▸ **Work to be completed**: Beginning at the top of the data below, write out every line exactly until you reach the line with "#94=IFCSHAPEREPRESENTATION(#35,'Body','Tessellation',(#93));", and include that line.

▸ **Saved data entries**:

• • • • • • •

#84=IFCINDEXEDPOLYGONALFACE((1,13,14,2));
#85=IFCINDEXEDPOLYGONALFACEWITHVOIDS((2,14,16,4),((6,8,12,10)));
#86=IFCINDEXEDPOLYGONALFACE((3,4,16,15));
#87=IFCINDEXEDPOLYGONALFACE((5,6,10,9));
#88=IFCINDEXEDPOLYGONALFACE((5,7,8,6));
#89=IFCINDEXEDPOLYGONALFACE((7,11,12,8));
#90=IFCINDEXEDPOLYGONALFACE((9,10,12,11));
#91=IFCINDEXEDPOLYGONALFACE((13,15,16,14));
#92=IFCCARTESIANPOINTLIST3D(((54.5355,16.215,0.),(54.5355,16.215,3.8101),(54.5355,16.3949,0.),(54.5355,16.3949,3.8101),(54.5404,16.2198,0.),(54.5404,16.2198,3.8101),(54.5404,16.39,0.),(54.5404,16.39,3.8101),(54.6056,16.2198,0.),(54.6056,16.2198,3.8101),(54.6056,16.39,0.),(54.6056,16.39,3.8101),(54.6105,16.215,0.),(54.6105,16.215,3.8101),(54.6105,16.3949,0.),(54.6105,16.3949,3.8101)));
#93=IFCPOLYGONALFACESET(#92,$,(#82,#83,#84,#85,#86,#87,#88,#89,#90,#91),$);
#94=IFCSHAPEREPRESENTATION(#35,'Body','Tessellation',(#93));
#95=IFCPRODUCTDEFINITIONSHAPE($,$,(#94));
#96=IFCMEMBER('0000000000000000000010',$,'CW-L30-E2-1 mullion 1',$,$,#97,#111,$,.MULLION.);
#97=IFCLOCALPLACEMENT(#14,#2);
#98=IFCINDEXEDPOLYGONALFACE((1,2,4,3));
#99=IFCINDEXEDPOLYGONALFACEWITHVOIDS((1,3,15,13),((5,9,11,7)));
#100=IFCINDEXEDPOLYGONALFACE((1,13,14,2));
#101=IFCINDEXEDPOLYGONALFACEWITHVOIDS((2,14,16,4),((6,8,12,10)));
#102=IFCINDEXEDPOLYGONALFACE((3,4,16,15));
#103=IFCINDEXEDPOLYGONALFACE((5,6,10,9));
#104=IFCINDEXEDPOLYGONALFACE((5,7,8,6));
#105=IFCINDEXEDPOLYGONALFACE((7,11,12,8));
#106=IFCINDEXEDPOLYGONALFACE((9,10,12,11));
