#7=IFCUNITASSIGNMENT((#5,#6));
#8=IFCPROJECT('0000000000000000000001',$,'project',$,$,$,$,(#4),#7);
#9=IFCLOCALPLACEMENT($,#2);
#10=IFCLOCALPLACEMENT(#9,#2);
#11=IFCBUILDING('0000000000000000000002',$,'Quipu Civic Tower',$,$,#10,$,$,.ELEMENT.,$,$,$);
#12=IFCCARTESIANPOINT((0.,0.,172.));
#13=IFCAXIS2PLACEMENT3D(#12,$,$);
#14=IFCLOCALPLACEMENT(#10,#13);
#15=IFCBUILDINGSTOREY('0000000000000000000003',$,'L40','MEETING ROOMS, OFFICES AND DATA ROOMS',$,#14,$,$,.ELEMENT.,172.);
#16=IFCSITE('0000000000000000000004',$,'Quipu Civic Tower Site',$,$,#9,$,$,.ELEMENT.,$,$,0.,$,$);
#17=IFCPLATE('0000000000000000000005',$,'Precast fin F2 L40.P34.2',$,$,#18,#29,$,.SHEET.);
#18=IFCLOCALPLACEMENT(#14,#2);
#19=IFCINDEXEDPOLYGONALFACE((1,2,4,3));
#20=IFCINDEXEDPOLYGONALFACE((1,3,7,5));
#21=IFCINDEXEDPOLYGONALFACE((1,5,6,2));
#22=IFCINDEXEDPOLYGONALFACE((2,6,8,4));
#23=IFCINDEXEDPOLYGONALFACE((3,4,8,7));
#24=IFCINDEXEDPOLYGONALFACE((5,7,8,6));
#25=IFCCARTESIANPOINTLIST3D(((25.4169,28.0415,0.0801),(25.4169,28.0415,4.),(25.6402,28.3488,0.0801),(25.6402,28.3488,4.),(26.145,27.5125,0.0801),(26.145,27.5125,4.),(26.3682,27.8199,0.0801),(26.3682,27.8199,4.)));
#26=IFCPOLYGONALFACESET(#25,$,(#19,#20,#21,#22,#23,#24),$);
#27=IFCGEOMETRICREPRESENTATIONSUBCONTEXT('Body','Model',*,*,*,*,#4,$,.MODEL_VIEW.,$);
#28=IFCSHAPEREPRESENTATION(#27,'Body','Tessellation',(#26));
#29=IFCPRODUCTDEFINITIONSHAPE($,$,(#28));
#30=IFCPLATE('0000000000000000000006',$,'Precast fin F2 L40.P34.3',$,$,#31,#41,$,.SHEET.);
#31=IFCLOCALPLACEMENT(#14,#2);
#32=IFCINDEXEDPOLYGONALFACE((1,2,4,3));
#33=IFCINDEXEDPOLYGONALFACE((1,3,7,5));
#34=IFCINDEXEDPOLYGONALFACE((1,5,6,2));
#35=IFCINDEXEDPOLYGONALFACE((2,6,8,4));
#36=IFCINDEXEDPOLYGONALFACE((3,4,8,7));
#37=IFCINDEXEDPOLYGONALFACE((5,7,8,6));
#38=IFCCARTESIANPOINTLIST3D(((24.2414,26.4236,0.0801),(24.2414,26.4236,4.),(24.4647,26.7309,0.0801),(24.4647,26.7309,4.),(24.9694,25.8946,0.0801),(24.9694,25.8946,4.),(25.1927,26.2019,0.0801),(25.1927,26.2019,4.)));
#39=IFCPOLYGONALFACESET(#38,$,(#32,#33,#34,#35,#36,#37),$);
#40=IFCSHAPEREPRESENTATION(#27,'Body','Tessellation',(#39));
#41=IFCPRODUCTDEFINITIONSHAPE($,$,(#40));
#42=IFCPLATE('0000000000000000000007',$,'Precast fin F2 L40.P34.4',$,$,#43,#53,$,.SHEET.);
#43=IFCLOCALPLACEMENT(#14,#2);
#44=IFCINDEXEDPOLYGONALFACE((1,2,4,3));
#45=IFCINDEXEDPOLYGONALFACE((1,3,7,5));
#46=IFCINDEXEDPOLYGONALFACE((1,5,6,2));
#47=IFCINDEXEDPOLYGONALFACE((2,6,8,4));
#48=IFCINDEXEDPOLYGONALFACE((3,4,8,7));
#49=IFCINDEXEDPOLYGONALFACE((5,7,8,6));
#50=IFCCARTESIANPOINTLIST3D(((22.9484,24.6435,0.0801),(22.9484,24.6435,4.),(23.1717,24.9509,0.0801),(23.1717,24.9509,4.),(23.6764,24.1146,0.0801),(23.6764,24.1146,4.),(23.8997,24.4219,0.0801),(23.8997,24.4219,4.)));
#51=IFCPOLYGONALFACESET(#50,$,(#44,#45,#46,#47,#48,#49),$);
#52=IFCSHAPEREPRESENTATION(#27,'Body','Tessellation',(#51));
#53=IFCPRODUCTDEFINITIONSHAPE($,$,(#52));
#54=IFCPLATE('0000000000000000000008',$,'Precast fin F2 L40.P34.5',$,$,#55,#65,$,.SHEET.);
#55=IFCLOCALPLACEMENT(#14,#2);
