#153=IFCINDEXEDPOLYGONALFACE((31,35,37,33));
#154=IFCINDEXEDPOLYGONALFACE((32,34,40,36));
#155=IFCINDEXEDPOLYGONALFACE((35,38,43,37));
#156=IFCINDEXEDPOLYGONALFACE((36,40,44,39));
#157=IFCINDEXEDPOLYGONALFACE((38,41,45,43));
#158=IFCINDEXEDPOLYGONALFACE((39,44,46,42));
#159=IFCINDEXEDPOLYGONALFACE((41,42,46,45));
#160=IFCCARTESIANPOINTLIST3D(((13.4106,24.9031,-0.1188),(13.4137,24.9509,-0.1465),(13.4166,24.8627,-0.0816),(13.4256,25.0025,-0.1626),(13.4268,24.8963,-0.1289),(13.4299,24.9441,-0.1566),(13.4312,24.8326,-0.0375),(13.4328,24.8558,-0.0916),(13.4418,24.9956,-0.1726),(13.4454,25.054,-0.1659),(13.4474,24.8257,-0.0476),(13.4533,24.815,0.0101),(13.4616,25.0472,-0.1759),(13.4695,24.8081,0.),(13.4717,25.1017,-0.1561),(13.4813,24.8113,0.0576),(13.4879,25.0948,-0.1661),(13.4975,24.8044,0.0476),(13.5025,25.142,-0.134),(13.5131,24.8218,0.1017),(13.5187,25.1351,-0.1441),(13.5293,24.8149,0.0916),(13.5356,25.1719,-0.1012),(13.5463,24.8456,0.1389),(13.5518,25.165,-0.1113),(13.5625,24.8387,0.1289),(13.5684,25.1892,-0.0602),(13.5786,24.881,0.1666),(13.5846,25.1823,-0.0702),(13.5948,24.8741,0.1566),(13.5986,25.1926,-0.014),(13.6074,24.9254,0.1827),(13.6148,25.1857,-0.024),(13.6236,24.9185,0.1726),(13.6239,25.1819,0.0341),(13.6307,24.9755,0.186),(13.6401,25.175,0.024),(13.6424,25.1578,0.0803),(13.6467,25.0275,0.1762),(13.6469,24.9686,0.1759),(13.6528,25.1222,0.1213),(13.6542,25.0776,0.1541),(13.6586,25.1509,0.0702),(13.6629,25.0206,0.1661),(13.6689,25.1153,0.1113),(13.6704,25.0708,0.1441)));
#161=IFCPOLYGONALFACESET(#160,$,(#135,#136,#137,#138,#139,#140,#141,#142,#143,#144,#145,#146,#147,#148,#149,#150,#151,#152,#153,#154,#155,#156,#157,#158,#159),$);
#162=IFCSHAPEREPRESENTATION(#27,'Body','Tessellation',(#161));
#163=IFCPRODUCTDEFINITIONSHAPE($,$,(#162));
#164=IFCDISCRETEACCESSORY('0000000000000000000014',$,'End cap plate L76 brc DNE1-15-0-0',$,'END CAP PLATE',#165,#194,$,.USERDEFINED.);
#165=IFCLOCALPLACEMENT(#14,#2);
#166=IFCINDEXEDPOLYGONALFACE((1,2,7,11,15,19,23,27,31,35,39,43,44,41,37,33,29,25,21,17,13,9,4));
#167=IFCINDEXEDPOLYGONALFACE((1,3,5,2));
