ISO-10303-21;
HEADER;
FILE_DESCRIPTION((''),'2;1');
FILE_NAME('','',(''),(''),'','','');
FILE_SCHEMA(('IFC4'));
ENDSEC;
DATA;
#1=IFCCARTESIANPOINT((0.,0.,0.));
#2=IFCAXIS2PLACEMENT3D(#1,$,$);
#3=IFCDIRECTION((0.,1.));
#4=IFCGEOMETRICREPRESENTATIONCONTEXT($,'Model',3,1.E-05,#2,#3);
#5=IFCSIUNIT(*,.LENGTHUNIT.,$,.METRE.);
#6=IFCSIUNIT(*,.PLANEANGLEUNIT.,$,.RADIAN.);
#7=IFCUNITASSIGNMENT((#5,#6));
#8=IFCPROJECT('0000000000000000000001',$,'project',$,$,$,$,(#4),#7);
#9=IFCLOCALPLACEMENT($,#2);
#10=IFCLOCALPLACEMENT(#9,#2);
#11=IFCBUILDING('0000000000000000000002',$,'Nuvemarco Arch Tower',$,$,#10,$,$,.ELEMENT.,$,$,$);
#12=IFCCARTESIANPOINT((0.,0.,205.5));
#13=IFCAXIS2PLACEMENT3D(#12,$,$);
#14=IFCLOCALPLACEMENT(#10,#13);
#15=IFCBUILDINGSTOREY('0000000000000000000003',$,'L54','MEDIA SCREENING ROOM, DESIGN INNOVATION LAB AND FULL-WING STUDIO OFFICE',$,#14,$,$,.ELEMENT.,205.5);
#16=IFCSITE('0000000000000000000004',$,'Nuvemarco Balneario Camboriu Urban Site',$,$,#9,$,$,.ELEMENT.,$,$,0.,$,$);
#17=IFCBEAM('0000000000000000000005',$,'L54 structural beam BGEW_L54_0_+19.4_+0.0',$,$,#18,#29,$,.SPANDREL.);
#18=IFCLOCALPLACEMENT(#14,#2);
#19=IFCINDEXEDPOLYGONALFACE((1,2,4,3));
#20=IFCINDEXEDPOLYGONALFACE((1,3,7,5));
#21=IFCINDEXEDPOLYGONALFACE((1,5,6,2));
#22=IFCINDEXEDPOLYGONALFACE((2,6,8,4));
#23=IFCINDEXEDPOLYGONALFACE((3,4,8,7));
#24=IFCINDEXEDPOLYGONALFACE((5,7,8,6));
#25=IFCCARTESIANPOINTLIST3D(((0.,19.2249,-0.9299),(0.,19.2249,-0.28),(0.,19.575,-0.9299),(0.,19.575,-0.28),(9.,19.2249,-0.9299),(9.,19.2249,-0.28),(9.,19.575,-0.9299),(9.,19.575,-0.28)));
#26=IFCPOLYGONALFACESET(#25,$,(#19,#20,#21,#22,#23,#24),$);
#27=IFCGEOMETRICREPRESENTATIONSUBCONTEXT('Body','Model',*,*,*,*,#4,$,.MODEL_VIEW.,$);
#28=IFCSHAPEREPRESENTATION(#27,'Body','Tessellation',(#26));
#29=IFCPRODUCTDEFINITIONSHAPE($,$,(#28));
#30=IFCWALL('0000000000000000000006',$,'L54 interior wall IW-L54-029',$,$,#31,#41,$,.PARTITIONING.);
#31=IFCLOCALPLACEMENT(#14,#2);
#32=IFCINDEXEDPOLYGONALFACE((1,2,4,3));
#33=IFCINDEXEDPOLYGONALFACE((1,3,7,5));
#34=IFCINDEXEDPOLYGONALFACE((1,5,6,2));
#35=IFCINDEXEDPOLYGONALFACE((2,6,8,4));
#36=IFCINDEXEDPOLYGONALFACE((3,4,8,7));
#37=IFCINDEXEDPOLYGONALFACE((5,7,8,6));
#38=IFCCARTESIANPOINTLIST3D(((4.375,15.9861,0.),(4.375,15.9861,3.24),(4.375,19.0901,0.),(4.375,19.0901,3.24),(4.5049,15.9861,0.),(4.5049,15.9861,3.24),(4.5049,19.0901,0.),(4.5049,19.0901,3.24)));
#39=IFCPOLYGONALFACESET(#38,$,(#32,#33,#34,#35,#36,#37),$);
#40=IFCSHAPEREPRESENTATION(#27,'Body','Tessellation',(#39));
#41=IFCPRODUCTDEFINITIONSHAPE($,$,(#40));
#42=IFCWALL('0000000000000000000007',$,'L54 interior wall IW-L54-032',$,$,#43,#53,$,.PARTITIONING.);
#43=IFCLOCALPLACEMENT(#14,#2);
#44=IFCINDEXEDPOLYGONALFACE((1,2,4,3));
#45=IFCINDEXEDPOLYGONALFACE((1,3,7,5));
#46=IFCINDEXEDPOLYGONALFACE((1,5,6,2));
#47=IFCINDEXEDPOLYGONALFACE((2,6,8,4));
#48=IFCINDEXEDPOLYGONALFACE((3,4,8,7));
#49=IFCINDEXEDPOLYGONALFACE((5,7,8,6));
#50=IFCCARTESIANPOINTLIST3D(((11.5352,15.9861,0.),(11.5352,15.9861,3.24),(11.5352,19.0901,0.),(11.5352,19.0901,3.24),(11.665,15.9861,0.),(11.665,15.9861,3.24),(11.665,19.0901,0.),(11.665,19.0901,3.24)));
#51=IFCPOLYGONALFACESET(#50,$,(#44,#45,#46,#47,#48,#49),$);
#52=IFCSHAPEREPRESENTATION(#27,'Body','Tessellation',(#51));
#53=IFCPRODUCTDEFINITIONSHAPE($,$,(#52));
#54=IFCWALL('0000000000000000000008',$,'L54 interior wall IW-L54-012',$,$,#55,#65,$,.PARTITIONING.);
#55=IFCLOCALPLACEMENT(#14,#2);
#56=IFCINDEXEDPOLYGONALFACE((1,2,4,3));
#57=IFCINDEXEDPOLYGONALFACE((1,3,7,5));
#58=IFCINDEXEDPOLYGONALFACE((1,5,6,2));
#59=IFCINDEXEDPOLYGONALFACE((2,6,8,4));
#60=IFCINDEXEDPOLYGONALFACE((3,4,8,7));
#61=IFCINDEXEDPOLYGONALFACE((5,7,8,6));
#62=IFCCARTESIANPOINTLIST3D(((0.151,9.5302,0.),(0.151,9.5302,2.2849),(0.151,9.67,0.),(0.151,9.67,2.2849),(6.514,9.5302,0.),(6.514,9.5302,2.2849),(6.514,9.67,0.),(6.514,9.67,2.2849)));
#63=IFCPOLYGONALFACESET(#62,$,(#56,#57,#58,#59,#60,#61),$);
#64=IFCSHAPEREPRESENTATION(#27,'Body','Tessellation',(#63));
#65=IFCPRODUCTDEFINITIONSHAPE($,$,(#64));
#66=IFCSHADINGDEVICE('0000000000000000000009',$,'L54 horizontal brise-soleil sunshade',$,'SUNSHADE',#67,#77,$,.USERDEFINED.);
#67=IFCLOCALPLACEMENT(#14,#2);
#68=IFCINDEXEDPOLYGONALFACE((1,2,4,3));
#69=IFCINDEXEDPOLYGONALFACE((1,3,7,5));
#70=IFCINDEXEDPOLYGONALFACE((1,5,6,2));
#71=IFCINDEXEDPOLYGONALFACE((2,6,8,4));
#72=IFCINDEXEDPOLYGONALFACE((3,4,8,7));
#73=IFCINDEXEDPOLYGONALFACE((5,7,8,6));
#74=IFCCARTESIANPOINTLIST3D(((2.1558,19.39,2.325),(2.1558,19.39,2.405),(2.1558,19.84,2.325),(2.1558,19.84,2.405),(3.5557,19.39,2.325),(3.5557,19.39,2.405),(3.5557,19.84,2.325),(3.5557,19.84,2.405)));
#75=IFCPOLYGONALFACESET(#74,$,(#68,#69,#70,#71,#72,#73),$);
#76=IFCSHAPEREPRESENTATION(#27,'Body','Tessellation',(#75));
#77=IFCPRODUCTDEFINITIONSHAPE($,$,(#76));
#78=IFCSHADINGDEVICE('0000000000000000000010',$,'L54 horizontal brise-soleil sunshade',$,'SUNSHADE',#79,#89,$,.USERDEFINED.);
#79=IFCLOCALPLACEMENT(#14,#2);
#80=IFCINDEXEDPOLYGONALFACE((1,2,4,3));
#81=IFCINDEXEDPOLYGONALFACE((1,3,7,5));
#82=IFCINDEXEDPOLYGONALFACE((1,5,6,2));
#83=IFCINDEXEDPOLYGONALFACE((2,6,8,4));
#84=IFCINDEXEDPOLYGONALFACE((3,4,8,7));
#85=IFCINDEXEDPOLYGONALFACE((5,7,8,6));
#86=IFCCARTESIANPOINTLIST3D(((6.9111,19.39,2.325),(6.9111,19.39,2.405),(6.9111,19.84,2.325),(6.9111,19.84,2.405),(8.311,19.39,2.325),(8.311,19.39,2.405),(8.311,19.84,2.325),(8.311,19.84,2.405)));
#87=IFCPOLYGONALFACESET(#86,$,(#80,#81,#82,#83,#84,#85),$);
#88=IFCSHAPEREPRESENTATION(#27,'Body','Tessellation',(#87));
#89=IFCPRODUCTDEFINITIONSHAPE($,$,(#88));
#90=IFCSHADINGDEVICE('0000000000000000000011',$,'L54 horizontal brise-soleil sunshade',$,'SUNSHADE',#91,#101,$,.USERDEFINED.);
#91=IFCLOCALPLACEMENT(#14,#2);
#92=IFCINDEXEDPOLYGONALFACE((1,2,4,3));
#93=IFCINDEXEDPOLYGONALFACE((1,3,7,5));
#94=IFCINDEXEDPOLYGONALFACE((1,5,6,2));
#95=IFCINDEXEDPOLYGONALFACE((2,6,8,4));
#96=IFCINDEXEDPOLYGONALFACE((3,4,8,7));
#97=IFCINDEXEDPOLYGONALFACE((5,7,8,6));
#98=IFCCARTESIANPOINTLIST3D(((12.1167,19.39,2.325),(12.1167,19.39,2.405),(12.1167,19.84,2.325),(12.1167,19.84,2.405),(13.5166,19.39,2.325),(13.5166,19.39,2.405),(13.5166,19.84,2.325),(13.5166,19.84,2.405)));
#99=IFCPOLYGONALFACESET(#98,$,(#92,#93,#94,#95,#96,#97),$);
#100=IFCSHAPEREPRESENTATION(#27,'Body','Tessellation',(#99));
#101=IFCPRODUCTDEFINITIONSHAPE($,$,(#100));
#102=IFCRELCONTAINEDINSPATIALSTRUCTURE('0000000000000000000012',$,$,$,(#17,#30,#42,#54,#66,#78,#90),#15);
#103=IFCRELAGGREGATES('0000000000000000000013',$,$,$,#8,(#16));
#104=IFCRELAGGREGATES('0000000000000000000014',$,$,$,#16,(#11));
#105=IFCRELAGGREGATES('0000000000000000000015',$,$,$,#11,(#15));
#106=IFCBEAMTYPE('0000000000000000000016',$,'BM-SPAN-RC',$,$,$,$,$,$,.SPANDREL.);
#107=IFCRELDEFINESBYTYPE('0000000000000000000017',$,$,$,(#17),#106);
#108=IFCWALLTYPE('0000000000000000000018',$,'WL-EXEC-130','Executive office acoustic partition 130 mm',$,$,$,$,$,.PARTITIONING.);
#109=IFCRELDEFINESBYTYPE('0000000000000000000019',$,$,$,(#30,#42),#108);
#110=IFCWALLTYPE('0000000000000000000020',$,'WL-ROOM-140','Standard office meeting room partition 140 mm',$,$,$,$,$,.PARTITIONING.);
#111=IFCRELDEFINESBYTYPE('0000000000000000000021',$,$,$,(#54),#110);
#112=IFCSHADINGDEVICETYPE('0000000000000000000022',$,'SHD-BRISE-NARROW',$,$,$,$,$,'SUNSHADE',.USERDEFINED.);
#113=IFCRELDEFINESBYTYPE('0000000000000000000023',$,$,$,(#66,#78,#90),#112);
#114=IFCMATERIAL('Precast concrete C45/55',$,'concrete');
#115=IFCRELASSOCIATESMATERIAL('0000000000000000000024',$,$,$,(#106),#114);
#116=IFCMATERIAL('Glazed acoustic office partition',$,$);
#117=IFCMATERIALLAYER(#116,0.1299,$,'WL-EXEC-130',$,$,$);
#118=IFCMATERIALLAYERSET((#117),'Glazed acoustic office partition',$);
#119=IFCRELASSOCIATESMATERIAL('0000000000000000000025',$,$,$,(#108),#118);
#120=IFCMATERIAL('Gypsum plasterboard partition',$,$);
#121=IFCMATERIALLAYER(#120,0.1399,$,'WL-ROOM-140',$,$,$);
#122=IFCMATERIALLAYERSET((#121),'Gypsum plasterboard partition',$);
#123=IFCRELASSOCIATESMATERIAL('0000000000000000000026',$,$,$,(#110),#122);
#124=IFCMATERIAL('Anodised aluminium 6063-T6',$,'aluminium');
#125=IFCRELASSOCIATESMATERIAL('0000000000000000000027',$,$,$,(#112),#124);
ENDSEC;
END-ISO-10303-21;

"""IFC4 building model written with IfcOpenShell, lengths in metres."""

from ifc_helpers import new_model, si_unit, direction, frame, frame_2d, origin, origin_2d, place, context, subcontext, project, spatial, rectangle, extrude, source, transform, mapped, material, layer, layer_set, material_profile, profile_set, type_object, type_shapes, element, save


model = new_model("IFC4")

# Units and contexts
model_context = context("Model", 3, precision=1e-05, world=origin(), true_north=direction((0.0, 1.0)))
body_context = subcontext(model_context, "Body", "Model", "MODEL_VIEW")
ifc_project = project(units=[si_unit("LENGTHUNIT", "METRE"), si_unit("PLANEANGLEUNIT", "RADIAN")], contexts=[model_context])

# Site, building, storey
site_placement = place(None, origin())
site = spatial("IfcSite", under=ifc_project, at=site_placement, Name="Nuvemarco Balneario Camboriu Urban Site", CompositionType="ELEMENT", RefElevation=0.0)
building_placement = place(site_placement, origin())
building = spatial("IfcBuilding", under=site, at=building_placement, Name="Nuvemarco Arch Tower", CompositionType="ELEMENT")
storey_placement = place(building_placement, frame((0.0, 0.0, 205.5)))
storey = spatial("IfcBuildingStorey", under=building, at=storey_placement, Name="L54", Description="MEDIA SCREENING ROOM, DESIGN INNOVATION LAB AND FULL-WING STUDIO OFFICE", CompositionType="ELEMENT", Elevation=205.5)

# Beam
ifc_material_1 = material(Name="Precast concrete C45/55", Category="concrete")
ifc_material_profile_1 = material_profile(ifc_material_1, rectangle(XDim=0.3501, YDim=0.6499, at=origin_2d()), Name="PC-SP-350x650")
ifc_profile_set_1 = profile_set([ifc_material_profile_1], Name="Precast concrete C45/55")
beam_type_1 = type_object("IfcBeamType", Name="BM-SPAN-RC", PredefinedType="SPANDREL", material=ifc_profile_set_1)
beam_1_placement = place(storey_placement, frame((0.0, 19.3999, -0.605), z_axis=(1.0, 0.0, 0.0), x_axis=(0.0, 1.0, 0.0)))
element("IfcBeam", 1, at=beam_1_placement, inside=storey, type_object=beam_type_1, Name="L54 structural beam BGEW_L54_0_+19.4_+0.0", PredefinedType="SPANDREL", context=body_context, shape_type="SweptSolid", body=[
    extrude(rectangle(XDim=0.3501, YDim=0.6499, at=origin_2d()), origin(), (0.0, 0.0, 1.0), 9.0),
])

# Walls
ifc_material_2 = material(Name="Glazed acoustic office partition")
ifc_layer_1 = layer(ifc_material_2, 0.1299, Name="WL-EXEC-130")
ifc_layer_set_1 = layer_set([ifc_layer_1], Name="Glazed acoustic office partition")
wall_type_1 = type_object("IfcWallType", Name="WL-EXEC-130", Description="Executive office acoustic partition 130 mm", PredefinedType="PARTITIONING", material=ifc_layer_set_1)
for number, where, z_axis, x_axis, name in (
    (2, (4.4399, 15.9861, 0.0), (0.0, 0.0, 1.0), (0.0, 1.0, 0.0), "L54 interior wall IW-L54-029"),
    (3, (11.6001, 15.9861, 0.0), (0.0, 0.0, 1.0), (0.0, 1.0, 0.0), "L54 interior wall IW-L54-032"),
):
    element("IfcWall", number, at=place(storey_placement, frame(where, z_axis=z_axis, x_axis=x_axis)), inside=storey, type_object=wall_type_1, Name=name, PredefinedType="PARTITIONING", context=body_context, shape_type="SweptSolid", body=[
        extrude(rectangle(XDim=3.104, YDim=0.1299, at=frame_2d((1.552, 0.0))), origin(), (0.0, 0.0, 1.0), 3.24),
    ])
ifc_material_3 = material(Name="Gypsum plasterboard partition")
ifc_layer_2 = layer(ifc_material_3, 0.1399, Name="WL-ROOM-140")
ifc_layer_set_2 = layer_set([ifc_layer_2], Name="Gypsum plasterboard partition")
wall_type_2 = type_object("IfcWallType", Name="WL-ROOM-140", Description="Standard office meeting room partition 140 mm", PredefinedType="PARTITIONING", material=ifc_layer_set_2)
wall_placement = place(storey_placement, frame((0.1509, 9.6001, 0.0), z_axis=(0.0, 0.0, 1.0), x_axis=(1.0, 0.0, 0.0)))
element("IfcWall", 4, at=wall_placement, inside=storey, type_object=wall_type_2, Name="L54 interior wall IW-L54-012", PredefinedType="PARTITIONING", context=body_context, shape_type="SweptSolid", body=[
    extrude(rectangle(XDim=6.363, YDim=0.1399, at=frame_2d((3.1816, 0.0))), origin(), (0.0, 0.0, 1.0), 2.2849),
])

• • • • • • •

▸ **Reply to the exercise**:
#84=IFCINDEXEDPOLYGONALFACE((1,13,14,2));
#85=IFCINDEXEDPOLYGONALFACEWITHVOIDS((2,14,16,4),((6,8,12,10)));
#86=IFCINDEXEDPOLYGONALFACE((3,4,16,15));
#87=IFCINDEXEDPOLYGONALFACE((5,6,10,9));
#88=IFCINDEXEDPOLYGONALFACE((5,7,8,6));
#89=IFCINDEXEDPOLYGONALFACE((7,11,12,8));
#90=IFCINDEXEDPOLYGONALFACE((9,10,12,11));
#91=IFCINDEXEDPOLYGONALFACE((13,15,16,14));
#92=IFCCARTESIANPOINTLIST3D(((54.5355,16.215,0.),(54.5355,16.215,3.8101),(54.5355,16.3949,0.),(54.5355,16.3949,3.8101),(54.5404,16.2198,0.),(54.5404,16.2198,3.8101),(54.5404,16.39,0.),(54.5404,16.39,3.8101),(54.6056,16.2198,0.),(54.6056,16.2198,3.8101),(54.6056,16.39,0.),(54.6056,16.39,3.8101),(54.6105,16.215,0.),(54.6105,16.215,3.8101),(54.6105,16.3949,0.),(54.6105,16.3949,3.8101)));
#93=IFCPOLYGONALFACESET(#92,$,(#82,#83,#84,#85,#86,#87,#88,#89,#90,#91),$);
#94=IFCSHAPEREPRESENTATION(#35,'Body','Tessellation',(#93));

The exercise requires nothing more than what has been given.